Among the entries that follow, the required portion opens with the line containing "#21=IFCINDEXEDPOLYGONALFACE((1,2,6,5));" and closes with the line containing "#31=IFCPRODUCTDEFINITIONSHAPE($,$,(#30));". Give that portion again exactly, and nothing else.

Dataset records
┄┄┄┄┄┄┄┄┄┄┄┄┄┄┄┄┄┄┄┄
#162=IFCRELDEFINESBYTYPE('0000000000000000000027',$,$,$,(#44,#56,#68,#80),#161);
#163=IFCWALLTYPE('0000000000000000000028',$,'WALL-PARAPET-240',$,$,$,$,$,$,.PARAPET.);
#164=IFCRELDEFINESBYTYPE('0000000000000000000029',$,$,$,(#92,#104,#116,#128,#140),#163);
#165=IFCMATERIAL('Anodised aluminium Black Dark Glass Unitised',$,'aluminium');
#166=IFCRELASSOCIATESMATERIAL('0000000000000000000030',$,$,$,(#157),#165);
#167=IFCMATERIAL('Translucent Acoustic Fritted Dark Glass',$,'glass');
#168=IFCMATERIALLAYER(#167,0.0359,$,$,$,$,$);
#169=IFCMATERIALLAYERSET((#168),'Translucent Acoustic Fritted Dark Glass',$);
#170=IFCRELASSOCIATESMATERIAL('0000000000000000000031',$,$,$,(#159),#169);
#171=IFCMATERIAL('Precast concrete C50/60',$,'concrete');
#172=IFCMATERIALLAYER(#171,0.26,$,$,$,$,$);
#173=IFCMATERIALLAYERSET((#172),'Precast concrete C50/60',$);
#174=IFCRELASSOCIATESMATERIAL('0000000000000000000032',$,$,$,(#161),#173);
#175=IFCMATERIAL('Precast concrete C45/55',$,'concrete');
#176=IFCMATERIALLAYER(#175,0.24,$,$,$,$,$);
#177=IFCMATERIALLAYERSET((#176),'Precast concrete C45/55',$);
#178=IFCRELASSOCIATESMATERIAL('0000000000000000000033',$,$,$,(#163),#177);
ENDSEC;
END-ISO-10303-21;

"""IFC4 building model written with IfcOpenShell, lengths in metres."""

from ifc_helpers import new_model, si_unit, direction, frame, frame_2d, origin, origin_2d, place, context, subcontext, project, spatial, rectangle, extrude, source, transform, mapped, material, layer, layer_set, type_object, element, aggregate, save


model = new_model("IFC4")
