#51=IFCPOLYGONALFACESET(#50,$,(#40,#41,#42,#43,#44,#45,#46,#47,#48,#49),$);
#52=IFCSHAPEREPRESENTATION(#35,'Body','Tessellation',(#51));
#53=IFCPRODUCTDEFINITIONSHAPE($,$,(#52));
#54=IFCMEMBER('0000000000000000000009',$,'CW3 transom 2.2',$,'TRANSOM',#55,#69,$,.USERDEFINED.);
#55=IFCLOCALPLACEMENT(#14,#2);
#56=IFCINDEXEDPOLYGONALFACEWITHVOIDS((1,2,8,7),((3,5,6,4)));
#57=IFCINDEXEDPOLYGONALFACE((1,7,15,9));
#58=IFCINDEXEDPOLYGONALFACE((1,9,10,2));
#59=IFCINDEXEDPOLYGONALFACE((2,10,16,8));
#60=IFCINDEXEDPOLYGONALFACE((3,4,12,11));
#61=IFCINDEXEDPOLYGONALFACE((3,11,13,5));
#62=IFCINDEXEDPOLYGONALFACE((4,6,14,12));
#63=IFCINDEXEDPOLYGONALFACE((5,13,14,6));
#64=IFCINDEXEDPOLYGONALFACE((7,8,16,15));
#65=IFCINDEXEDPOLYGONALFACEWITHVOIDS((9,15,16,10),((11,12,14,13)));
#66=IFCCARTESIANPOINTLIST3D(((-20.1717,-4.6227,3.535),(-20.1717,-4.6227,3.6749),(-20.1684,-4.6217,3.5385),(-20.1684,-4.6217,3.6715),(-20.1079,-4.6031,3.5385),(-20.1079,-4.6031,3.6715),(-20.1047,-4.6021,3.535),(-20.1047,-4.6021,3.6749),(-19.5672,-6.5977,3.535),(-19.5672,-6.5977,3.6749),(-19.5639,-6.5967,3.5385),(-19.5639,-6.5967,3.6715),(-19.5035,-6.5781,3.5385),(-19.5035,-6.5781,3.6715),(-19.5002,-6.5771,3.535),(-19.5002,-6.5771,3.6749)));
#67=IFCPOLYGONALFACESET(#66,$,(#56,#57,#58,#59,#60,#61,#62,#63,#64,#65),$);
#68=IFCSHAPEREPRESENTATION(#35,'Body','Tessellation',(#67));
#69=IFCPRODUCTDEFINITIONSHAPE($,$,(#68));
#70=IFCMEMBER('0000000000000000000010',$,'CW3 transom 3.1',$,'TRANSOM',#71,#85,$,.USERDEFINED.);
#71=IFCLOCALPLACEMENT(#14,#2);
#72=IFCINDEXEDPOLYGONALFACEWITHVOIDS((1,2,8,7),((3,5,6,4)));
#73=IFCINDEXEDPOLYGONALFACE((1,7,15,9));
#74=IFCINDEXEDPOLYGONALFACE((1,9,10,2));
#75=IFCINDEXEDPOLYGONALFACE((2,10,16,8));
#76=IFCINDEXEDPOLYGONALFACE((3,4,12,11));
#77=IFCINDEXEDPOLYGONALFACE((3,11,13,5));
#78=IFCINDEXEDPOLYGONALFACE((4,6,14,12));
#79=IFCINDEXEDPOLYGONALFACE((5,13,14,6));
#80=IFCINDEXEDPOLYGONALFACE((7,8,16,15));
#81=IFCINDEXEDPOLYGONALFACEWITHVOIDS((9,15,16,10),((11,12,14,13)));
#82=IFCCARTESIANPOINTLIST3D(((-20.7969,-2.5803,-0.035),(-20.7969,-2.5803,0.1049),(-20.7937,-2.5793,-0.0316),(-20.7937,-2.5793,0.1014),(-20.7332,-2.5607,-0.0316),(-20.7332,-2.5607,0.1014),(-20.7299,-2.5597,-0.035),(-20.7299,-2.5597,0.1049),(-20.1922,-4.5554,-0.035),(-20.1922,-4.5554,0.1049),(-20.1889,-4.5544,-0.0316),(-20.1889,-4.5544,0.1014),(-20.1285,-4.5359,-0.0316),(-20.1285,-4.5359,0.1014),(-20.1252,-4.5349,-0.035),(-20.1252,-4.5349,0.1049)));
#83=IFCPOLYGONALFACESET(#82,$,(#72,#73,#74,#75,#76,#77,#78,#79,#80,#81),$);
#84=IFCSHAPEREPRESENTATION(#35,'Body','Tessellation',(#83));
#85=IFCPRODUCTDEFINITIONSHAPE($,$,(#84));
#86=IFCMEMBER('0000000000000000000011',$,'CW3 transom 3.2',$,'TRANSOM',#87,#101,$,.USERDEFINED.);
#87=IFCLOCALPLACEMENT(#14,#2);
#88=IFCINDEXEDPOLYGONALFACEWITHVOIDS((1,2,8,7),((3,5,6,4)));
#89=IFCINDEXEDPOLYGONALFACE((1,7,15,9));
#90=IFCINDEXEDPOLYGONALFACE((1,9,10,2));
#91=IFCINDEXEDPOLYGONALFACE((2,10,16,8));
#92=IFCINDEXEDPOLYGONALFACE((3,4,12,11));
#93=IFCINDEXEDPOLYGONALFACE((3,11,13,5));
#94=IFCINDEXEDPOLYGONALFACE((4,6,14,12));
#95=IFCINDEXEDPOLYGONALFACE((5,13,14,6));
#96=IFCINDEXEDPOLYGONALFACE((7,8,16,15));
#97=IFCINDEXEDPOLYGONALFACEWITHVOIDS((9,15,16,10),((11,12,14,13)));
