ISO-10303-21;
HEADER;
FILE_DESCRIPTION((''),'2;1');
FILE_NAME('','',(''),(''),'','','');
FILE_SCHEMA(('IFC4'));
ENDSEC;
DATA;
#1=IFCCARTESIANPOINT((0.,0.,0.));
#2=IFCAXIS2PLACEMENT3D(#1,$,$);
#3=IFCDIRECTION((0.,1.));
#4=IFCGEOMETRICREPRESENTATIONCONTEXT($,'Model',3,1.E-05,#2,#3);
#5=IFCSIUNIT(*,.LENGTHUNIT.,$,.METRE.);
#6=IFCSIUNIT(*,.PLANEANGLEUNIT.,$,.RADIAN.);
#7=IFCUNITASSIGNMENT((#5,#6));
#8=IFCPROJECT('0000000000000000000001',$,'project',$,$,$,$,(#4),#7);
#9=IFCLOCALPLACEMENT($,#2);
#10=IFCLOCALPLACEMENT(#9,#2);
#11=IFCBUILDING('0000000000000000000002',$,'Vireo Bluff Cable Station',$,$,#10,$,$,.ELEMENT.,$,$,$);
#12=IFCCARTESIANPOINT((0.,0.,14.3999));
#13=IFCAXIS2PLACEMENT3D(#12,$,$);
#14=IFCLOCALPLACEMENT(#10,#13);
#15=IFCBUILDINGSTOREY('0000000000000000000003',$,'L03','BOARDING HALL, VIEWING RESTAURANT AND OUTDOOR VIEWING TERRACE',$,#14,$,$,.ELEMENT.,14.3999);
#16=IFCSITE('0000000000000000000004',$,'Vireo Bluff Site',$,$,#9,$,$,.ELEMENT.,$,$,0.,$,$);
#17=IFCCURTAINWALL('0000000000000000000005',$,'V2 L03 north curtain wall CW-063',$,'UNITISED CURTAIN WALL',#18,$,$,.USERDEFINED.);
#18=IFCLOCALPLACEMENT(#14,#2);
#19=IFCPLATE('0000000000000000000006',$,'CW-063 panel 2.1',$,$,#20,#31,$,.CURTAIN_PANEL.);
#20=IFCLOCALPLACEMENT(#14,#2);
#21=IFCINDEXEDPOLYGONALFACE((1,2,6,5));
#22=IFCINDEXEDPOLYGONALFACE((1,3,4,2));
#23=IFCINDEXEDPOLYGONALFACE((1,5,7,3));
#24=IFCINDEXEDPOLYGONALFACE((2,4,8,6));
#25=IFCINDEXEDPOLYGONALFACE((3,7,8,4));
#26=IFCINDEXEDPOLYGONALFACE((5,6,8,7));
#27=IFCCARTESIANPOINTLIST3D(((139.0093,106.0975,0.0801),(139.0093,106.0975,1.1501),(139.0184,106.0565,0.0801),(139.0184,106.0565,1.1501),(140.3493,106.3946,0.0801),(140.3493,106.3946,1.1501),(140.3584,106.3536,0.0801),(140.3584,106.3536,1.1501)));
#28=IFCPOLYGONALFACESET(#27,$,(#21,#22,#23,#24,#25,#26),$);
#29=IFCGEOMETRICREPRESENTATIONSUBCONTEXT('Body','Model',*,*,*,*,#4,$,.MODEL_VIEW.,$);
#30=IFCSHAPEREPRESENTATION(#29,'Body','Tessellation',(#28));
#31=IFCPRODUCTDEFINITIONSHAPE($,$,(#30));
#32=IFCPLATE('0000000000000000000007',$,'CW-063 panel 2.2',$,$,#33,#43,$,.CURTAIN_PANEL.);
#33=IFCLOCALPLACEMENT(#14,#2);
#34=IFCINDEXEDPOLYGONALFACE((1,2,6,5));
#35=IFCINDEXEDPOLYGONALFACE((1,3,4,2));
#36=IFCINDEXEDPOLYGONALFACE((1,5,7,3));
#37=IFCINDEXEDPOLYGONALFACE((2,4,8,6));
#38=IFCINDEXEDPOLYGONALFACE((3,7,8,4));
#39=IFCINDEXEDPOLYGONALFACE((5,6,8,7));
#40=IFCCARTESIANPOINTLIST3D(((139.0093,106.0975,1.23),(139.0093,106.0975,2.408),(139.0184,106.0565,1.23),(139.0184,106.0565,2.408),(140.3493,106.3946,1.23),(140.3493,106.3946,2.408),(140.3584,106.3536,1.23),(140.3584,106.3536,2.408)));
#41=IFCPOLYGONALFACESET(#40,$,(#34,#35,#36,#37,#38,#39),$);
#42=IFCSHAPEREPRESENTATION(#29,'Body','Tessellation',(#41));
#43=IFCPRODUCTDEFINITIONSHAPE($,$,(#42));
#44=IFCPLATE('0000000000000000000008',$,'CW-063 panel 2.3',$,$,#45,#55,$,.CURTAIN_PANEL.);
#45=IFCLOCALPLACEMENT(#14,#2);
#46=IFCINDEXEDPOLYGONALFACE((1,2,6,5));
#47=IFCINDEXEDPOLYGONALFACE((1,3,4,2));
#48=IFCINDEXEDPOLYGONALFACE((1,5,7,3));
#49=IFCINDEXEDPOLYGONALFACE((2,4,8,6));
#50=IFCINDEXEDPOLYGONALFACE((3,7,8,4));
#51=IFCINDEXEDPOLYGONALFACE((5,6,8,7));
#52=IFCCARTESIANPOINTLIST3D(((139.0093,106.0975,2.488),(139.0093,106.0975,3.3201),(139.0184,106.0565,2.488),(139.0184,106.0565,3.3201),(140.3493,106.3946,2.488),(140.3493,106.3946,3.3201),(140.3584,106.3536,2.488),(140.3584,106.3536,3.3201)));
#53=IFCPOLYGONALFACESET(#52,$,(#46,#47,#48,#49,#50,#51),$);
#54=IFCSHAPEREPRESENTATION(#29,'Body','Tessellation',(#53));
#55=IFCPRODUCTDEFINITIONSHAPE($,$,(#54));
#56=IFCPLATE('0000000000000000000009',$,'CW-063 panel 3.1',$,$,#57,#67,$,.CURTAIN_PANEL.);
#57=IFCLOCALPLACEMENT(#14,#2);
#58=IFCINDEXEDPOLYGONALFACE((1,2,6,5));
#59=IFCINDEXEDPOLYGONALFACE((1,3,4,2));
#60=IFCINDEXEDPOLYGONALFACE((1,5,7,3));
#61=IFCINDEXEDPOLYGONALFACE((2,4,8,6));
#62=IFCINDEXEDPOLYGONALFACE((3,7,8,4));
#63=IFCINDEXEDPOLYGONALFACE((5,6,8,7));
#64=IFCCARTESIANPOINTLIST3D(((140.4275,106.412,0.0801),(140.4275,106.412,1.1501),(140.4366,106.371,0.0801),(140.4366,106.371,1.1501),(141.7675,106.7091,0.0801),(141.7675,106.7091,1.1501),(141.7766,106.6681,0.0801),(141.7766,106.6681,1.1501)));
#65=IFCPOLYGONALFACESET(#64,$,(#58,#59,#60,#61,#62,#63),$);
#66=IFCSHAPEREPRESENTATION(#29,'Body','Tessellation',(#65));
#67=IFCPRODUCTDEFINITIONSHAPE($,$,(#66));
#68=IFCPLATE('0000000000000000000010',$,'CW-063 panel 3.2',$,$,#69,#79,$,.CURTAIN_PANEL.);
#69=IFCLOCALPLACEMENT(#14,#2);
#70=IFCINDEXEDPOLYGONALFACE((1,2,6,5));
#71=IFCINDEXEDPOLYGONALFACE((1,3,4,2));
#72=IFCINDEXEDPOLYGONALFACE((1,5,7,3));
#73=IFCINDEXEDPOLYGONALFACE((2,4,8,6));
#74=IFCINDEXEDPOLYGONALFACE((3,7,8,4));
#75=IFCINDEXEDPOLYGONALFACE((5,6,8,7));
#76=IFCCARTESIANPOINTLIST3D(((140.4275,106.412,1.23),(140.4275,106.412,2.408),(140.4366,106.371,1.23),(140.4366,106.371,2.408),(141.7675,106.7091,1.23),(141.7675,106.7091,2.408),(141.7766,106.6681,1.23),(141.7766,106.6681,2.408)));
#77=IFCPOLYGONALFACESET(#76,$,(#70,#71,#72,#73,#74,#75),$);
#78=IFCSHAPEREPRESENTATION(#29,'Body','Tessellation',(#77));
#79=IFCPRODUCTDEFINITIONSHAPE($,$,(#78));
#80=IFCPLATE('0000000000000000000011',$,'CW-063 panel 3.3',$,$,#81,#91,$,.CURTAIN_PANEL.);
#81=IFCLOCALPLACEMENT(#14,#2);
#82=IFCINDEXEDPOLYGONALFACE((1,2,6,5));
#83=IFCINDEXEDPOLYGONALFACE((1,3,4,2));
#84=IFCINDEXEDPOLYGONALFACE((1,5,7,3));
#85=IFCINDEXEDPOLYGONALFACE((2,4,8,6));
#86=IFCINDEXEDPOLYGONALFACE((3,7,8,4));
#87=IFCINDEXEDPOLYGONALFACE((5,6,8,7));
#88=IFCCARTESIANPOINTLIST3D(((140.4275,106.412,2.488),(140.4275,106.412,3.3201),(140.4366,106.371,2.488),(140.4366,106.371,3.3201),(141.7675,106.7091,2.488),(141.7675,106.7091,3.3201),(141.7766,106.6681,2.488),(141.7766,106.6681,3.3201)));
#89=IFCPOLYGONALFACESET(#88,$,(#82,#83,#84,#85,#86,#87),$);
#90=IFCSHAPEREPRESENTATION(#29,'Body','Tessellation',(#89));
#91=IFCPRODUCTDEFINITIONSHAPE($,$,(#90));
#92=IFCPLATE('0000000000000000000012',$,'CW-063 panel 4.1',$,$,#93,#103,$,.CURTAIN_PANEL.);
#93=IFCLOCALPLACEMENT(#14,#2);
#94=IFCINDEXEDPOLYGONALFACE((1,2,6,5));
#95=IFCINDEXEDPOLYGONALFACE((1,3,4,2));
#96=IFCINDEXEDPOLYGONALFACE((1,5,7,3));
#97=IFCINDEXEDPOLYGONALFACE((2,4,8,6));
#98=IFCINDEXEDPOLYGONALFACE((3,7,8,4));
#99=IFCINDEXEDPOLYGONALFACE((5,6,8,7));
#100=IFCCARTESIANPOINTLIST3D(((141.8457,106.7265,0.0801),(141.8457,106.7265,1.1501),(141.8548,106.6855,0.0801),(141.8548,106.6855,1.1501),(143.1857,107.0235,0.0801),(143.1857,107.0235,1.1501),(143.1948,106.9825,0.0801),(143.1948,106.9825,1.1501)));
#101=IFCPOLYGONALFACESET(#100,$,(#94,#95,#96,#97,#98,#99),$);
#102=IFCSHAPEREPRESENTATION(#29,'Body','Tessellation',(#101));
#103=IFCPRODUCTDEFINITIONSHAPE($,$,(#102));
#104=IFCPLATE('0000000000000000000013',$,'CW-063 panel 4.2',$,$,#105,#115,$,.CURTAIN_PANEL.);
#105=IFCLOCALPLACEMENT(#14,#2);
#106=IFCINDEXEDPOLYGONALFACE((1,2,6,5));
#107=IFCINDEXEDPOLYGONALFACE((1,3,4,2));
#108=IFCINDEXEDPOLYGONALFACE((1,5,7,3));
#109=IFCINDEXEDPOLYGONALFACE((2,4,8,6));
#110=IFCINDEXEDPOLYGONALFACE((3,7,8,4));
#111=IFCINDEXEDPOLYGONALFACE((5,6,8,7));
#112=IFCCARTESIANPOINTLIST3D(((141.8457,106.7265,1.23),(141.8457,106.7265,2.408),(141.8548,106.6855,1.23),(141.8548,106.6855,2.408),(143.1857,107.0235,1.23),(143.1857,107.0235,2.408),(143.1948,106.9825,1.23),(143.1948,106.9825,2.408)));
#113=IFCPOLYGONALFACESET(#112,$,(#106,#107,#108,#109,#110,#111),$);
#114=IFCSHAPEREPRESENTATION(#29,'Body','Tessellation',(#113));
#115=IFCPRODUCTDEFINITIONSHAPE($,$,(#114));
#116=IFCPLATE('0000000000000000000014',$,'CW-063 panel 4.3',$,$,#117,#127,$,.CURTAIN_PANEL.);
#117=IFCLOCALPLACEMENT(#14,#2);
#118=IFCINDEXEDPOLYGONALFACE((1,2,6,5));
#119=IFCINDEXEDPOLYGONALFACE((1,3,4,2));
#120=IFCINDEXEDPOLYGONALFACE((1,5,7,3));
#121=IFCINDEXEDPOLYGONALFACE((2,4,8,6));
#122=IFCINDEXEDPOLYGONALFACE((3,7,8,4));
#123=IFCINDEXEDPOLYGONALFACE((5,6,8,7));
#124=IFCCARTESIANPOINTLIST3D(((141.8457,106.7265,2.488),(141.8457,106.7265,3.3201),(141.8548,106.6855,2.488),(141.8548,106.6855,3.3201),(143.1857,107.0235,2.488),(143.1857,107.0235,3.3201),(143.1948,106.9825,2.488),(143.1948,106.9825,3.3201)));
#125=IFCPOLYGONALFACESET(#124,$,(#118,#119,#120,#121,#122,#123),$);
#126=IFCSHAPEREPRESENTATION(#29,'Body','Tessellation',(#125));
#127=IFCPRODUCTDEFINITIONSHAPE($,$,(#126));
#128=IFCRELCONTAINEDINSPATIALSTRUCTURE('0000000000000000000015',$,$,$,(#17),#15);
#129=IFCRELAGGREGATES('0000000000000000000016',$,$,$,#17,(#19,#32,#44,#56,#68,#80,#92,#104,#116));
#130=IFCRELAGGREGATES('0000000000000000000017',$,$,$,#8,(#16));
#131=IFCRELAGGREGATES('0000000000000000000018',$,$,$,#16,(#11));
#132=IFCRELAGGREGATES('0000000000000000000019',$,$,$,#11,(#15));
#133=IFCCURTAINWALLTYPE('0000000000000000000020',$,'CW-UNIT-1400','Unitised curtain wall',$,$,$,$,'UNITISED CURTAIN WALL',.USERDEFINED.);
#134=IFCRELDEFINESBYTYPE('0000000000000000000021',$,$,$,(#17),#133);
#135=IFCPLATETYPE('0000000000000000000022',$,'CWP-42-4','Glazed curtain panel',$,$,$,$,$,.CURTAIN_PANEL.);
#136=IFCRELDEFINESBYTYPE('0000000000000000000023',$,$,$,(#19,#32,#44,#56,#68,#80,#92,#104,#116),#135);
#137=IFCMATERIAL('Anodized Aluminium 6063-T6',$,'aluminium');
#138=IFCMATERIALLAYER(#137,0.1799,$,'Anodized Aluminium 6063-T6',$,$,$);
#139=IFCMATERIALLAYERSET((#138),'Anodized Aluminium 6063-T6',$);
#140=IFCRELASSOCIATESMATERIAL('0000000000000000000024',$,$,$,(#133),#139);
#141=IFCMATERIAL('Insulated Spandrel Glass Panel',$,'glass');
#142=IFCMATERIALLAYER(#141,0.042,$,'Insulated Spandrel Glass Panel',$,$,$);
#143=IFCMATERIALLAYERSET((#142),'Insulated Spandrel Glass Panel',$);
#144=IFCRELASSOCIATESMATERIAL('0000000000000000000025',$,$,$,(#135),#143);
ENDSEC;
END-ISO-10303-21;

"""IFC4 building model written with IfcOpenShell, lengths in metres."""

from ifc_helpers import new_model, si_unit, direction, frame, origin, origin_2d, place, context, subcontext, project, spatial, rectangle, extrude, material, layer, layer_set, type_object, element, aggregate, save


model = new_model("IFC4")

# Units and contexts
model_context = context("Model", 3, precision=1e-05, world=origin(), true_north=direction((0.0, 1.0)))
body_context = subcontext(model_context, "Body", "Model", "MODEL_VIEW")
ifc_project = project(units=[si_unit("LENGTHUNIT", "METRE"), si_unit("PLANEANGLEUNIT", "RADIAN")], contexts=[model_context])

# Site, building, storey
site_placement = place(None, origin())
site = spatial("IfcSite", under=ifc_project, at=site_placement, Name="Vireo Bluff Site", CompositionType="ELEMENT", RefElevation=0.0)
building_placement = place(site_placement, origin())
building = spatial("IfcBuilding", under=site, at=building_placement, Name="Vireo Bluff Cable Station", CompositionType="ELEMENT")
storey_placement = place(building_placement, frame((0.0, 0.0, 14.3999)))
storey = spatial("IfcBuildingStorey", under=building, at=storey_placement, Name="L03", Description="BOARDING HALL, VIEWING RESTAURANT AND OUTDOOR VIEWING TERRACE", CompositionType="ELEMENT", Elevation=14.3999)

# Curtain wall, plates
ifc_material_1 = material(Name="Anodized Aluminium 6063-T6", Category="aluminium")
ifc_layer_1 = layer(ifc_material_1, 0.1799, Name="Anodized Aluminium 6063-T6")
ifc_layer_set_1 = layer_set([ifc_layer_1], Name="Anodized Aluminium 6063-T6")
curtain_wall_type = type_object("IfcCurtainWallType", Name="CW-UNIT-1400", Description="Unitised curtain wall", ElementType="UNITISED CURTAIN WALL", PredefinedType="USERDEFINED", material=ifc_layer_set_1)
curtain_wall_placement = place(storey_placement, origin())
curtain_wall = element("IfcCurtainWall", 1, at=curtain_wall_placement, inside=storey, type_object=curtain_wall_type, Name="V2 L03 north curtain wall CW-063", ObjectType="UNITISED CURTAIN WALL", PredefinedType="USERDEFINED")
ifc_material_2 = material(Name="Insulated Spandrel Glass Panel", Category="glass")
ifc_layer_2 = layer(ifc_material_2, 0.042, Name="Insulated Spandrel Glass Panel")
ifc_layer_set_2 = layer_set([ifc_layer_2], Name="Insulated Spandrel Glass Panel")
plate_type = type_object("IfcPlateType", Name="CWP-42-4", Description="Glazed curtain panel", PredefinedType="CURTAIN_PANEL", material=ifc_layer_set_2)
plate_1_placement = place(storey_placement, frame((139.6838, 106.2256, 0.0801), z_axis=(0.0, 0.0, 1.0), x_axis=(0.976296, 0.21644, 0.0)))
plate_1 = element("IfcPlate", 2, at=plate_1_placement, type_object=plate_type, Name="CW-063 panel 2.1", PredefinedType="CURTAIN_PANEL", context=body_context, shape_type="SweptSolid", body=[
┄┄┄┄┄┄┄┄┄┄┄┄┄┄┄┄┄┄┄┄
__Answer section__
#21=IFCINDEXEDPOLYGONALFACE((1,2,6,5));
#22=IFCINDEXEDPOLYGONALFACE((1,3,4,2));
#23=IFCINDEXEDPOLYGONALFACE((1,5,7,3));
#24=IFCINDEXEDPOLYGONALFACE((2,4,8,6));
#25=IFCINDEXEDPOLYGONALFACE((3,7,8,4));
#26=IFCINDEXEDPOLYGONALFACE((5,6,8,7));
#27=IFCCARTESIANPOINTLIST3D(((139.0093,106.0975,0.0801),(139.0093,106.0975,1.1501),(139.0184,106.0565,0.0801),(139.0184,106.0565,1.1501),(140.3493,106.3946,0.0801),(140.3493,106.3946,1.1501),(140.3584,106.3536,0.0801),(140.3584,106.3536,1.1501)));
#28=IFCPOLYGONALFACESET(#27,$,(#21,#22,#23,#24,#25,#26),$);
#29=IFCGEOMETRICREPRESENTATIONSUBCONTEXT('Body','Model',*,*,*,*,#4,$,.MODEL_VIEW.,$);
#30=IFCSHAPEREPRESENTATION(#29,'Body','Tessellation',(#28));
#31=IFCPRODUCTDEFINITIONSHAPE($,$,(#30));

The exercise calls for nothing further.